» What to work on:
A single number is the answer here: how many lines of the entries contain "ELEMENT"?
[Available records — start]
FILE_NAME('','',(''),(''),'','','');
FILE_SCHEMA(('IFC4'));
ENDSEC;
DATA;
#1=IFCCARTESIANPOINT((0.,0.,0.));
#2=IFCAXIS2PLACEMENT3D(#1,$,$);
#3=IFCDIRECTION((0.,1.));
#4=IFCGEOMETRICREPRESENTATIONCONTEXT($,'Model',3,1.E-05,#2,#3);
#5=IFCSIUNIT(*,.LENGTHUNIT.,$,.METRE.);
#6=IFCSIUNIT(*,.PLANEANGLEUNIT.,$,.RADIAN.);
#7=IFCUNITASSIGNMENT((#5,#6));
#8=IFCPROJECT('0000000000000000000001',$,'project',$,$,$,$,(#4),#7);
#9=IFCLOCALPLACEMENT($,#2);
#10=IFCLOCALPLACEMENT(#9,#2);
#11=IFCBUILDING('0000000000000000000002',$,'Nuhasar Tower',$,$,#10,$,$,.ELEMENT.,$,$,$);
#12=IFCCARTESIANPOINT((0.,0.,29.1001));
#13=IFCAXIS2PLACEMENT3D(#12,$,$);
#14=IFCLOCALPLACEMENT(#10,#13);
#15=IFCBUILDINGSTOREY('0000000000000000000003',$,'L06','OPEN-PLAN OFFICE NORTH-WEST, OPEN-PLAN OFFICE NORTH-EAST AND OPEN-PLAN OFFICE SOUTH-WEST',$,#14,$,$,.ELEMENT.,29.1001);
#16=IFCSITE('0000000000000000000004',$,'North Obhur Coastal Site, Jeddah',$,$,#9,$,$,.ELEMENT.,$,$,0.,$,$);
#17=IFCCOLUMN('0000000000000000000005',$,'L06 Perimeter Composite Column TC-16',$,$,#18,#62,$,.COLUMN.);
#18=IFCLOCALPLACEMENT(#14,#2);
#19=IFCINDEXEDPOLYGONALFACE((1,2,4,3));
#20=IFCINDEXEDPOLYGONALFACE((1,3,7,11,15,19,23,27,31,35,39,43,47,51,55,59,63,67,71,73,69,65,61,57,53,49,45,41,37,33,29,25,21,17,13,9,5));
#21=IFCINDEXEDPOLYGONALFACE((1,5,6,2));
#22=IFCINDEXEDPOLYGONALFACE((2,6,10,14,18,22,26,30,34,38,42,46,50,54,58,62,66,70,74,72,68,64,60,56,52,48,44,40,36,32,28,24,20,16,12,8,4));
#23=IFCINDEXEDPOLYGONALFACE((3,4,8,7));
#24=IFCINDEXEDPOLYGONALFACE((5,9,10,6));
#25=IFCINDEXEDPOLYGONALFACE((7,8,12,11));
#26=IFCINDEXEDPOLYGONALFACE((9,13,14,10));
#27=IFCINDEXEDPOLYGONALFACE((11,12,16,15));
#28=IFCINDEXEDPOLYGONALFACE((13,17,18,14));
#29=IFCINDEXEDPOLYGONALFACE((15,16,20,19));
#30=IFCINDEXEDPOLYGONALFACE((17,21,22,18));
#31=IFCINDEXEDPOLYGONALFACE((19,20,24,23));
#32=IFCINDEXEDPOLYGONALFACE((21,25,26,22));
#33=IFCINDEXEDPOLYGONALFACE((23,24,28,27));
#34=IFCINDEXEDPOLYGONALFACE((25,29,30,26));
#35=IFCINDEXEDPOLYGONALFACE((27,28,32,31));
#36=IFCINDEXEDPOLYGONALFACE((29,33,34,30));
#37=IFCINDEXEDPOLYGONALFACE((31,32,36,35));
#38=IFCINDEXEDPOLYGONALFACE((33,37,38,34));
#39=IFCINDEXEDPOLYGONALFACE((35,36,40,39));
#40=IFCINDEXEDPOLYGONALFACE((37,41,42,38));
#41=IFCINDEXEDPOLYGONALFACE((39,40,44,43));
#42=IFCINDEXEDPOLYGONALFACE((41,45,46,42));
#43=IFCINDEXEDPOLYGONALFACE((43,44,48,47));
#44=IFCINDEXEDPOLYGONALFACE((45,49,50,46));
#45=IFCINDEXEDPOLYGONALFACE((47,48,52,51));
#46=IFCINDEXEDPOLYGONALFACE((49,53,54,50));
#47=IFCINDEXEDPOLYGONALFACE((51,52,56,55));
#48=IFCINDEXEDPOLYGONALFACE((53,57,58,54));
[Available records — finish]
» Result of the exercise:
3